WORK TO BE COMPLETED —
Lines with the string "IFCPOLYGONALFACESET" are to be identified in the listing and copied.

● ● ● ●

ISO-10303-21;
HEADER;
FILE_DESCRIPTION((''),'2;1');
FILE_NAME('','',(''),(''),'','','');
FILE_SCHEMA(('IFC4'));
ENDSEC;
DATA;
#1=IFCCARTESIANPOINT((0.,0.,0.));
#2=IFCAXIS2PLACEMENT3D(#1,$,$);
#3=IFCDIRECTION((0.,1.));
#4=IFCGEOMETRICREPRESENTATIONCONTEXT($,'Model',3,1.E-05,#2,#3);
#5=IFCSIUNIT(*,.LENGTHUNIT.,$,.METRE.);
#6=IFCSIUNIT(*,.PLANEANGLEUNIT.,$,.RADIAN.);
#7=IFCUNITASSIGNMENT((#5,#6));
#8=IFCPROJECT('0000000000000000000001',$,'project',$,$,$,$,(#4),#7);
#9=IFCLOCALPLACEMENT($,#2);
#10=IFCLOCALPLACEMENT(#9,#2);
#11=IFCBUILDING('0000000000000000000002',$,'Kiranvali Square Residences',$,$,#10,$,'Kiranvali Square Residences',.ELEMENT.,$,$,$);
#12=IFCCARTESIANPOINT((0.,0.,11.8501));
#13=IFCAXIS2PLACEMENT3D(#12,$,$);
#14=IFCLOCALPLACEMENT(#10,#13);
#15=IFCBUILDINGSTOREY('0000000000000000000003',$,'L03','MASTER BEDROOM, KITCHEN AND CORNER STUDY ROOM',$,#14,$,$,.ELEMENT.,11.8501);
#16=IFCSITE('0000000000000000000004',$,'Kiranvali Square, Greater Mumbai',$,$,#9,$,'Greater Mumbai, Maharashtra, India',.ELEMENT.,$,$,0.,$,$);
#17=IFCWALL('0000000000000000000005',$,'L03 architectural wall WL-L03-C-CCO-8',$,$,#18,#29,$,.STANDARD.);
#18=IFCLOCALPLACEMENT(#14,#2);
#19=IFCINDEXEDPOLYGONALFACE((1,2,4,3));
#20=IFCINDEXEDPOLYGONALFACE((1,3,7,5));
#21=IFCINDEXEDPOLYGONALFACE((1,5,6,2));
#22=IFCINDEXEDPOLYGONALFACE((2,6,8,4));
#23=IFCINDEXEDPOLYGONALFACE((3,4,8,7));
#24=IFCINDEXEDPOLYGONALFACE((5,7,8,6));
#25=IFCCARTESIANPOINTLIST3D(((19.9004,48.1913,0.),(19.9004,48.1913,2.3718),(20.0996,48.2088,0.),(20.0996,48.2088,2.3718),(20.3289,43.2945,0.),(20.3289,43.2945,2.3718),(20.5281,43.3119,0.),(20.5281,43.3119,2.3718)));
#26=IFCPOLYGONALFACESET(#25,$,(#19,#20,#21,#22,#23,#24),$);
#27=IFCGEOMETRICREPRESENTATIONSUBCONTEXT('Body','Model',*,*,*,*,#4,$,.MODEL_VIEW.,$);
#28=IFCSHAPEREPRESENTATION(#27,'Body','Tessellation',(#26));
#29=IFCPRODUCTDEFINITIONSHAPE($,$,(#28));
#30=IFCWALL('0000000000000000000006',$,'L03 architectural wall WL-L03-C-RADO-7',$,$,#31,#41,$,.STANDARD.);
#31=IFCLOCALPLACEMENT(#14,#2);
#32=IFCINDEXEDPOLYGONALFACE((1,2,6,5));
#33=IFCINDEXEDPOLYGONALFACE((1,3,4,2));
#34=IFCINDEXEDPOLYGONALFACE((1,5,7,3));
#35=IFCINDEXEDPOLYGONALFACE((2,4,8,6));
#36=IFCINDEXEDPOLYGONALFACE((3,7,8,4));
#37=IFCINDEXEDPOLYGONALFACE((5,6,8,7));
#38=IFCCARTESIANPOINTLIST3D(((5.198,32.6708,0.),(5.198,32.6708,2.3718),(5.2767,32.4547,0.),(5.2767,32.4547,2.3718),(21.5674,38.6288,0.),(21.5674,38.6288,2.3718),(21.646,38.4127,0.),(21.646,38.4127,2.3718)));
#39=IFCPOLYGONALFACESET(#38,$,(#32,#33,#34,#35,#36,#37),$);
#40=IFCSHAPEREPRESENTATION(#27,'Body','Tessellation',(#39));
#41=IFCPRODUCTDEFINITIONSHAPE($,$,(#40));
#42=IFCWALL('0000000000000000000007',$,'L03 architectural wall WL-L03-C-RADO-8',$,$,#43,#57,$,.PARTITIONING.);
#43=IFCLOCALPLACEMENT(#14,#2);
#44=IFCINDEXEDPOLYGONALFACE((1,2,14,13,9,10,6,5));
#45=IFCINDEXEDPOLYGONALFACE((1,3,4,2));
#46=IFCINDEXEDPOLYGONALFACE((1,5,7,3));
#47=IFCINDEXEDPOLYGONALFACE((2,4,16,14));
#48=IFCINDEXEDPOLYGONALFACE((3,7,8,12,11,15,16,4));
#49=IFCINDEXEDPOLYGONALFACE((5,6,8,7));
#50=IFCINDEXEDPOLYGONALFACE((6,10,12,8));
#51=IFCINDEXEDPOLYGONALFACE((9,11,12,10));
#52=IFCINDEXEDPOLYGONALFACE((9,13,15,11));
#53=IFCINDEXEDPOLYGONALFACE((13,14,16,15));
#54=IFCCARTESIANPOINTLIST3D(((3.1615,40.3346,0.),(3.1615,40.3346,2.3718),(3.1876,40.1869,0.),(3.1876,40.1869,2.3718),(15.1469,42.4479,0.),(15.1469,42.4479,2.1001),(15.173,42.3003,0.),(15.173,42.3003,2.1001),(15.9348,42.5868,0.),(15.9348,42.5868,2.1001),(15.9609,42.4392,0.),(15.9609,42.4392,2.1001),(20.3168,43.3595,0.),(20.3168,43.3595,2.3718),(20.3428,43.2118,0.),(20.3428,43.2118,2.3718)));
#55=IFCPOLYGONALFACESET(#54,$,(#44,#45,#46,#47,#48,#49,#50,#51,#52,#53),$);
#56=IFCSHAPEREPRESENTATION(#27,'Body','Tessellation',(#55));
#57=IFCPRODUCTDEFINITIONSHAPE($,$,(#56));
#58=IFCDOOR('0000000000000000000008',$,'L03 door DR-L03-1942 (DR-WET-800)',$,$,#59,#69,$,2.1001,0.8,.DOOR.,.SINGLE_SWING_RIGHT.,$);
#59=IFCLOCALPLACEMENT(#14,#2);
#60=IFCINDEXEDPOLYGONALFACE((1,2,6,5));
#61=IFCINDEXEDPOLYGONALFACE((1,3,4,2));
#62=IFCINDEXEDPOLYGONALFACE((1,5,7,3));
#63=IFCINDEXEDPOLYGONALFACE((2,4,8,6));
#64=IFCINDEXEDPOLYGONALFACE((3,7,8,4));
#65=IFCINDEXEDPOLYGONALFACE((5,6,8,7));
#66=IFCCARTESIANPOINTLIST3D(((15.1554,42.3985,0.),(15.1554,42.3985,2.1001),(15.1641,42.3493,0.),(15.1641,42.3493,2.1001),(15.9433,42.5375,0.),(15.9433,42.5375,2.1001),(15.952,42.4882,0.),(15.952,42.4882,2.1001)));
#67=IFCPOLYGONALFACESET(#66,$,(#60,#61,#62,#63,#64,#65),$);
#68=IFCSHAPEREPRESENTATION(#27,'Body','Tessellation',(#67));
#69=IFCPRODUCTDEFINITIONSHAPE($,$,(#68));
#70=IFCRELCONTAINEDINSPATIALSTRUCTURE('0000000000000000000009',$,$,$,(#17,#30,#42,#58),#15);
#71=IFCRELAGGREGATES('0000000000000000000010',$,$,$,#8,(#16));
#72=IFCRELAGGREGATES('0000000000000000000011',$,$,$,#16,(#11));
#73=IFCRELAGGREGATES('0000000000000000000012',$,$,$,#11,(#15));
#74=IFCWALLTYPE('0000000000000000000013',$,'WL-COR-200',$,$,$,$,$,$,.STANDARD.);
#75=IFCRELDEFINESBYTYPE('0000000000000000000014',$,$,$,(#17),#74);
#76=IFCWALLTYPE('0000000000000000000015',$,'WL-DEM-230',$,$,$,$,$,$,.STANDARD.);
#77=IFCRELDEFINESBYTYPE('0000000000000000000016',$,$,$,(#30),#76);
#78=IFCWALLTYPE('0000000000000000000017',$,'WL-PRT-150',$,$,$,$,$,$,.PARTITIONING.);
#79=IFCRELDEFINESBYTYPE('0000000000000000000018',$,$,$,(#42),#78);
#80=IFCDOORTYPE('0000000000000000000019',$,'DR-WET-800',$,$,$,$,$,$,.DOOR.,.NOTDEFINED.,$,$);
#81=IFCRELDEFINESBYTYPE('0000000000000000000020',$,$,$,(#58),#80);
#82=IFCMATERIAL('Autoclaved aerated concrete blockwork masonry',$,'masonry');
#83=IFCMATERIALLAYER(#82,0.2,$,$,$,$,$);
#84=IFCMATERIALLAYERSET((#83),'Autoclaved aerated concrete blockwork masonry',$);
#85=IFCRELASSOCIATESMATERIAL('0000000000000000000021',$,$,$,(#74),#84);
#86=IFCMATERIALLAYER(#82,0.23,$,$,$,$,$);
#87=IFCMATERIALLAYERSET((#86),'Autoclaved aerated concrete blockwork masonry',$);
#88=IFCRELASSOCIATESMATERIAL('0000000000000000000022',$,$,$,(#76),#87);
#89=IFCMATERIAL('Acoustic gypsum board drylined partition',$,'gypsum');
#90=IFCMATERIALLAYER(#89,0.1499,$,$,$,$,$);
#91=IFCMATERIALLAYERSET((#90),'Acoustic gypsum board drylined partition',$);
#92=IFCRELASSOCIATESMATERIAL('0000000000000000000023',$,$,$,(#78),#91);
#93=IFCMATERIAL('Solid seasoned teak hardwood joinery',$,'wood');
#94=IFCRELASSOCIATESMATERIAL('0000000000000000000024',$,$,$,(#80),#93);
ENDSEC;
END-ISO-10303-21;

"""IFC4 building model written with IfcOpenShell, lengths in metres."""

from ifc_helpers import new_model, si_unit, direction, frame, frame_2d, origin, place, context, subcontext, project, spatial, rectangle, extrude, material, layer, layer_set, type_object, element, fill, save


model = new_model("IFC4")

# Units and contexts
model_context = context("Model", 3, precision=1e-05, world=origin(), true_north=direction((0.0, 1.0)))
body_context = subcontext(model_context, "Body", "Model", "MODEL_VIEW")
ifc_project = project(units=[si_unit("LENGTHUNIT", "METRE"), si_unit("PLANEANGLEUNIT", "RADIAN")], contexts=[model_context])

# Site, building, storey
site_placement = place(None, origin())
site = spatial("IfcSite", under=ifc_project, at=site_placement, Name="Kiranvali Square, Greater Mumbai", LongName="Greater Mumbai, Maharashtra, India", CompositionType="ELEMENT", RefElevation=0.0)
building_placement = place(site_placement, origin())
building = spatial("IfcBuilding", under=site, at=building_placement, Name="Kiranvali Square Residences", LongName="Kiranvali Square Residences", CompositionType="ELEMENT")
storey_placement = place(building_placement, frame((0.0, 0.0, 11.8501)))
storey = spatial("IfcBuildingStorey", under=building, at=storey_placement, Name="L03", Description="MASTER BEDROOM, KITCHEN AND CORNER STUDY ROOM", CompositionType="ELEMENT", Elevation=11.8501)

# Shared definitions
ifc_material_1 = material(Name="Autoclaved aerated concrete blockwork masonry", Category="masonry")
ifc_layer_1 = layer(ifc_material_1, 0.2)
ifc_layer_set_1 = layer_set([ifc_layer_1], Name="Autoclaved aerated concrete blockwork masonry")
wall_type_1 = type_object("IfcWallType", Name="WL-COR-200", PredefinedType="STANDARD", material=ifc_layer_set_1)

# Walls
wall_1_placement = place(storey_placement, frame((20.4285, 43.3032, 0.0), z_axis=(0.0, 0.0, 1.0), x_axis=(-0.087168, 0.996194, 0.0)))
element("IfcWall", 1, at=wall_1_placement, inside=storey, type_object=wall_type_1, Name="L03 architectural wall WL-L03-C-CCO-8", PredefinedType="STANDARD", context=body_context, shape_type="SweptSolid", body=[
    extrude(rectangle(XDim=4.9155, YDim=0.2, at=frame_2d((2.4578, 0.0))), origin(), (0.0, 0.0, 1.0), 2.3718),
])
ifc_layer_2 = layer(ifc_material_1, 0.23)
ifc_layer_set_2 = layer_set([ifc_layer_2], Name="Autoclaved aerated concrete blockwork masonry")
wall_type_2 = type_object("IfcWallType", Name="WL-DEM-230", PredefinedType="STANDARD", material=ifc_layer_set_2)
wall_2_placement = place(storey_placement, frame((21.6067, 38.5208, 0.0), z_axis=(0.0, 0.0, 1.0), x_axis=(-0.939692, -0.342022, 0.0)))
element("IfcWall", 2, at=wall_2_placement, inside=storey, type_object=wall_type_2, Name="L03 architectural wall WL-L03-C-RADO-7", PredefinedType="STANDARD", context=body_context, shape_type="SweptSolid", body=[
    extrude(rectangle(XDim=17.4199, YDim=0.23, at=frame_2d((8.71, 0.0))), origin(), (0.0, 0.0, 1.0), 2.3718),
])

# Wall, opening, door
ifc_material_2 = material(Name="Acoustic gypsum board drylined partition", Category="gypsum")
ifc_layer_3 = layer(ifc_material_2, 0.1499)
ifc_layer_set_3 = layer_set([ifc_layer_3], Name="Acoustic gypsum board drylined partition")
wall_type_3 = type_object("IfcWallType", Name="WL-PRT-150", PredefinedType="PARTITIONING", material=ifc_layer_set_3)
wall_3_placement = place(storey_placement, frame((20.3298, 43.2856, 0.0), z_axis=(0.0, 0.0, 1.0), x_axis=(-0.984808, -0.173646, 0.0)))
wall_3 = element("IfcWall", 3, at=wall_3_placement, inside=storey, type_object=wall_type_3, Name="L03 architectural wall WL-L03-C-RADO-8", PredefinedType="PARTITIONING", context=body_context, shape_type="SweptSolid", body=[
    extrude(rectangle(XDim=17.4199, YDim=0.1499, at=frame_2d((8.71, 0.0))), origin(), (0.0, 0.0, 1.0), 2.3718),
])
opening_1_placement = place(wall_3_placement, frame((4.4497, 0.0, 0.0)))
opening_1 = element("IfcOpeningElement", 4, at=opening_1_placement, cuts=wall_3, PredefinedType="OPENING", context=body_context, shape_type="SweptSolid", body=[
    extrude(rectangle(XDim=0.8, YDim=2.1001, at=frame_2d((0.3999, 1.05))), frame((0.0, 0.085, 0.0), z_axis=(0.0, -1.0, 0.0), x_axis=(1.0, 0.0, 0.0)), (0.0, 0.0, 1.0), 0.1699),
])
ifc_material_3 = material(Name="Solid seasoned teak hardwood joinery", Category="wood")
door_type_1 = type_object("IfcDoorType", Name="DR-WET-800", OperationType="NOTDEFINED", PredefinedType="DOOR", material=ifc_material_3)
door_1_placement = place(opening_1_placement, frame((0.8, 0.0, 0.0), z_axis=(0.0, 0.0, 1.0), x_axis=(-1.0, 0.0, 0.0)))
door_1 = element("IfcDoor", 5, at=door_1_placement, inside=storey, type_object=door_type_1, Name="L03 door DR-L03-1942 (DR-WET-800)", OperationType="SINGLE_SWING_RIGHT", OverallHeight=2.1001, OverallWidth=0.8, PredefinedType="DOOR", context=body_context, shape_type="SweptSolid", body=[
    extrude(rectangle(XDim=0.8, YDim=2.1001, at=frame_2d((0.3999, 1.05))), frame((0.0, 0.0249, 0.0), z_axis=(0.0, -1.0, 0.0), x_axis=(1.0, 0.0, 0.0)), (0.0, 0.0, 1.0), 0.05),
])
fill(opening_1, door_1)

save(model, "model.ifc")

● ● ● ●

ANSWER FOR THE TASK —
#26=IFCPOLYGONALFACESET(#25,$,(#19,#20,#21,#22,#23,#24),$);
#39=IFCPOLYGONALFACESET(#38,$,(#32,#33,#34,#35,#36,#37),$);
#55=IFCPOLYGONALFACESET(#54,$,(#44,#45,#46,#47,#48,#49,#50,#51,#52,#53),$);
#67=IFCPOLYGONALFACESET(#66,$,(#60,#61,#62,#63,#64,#65),$);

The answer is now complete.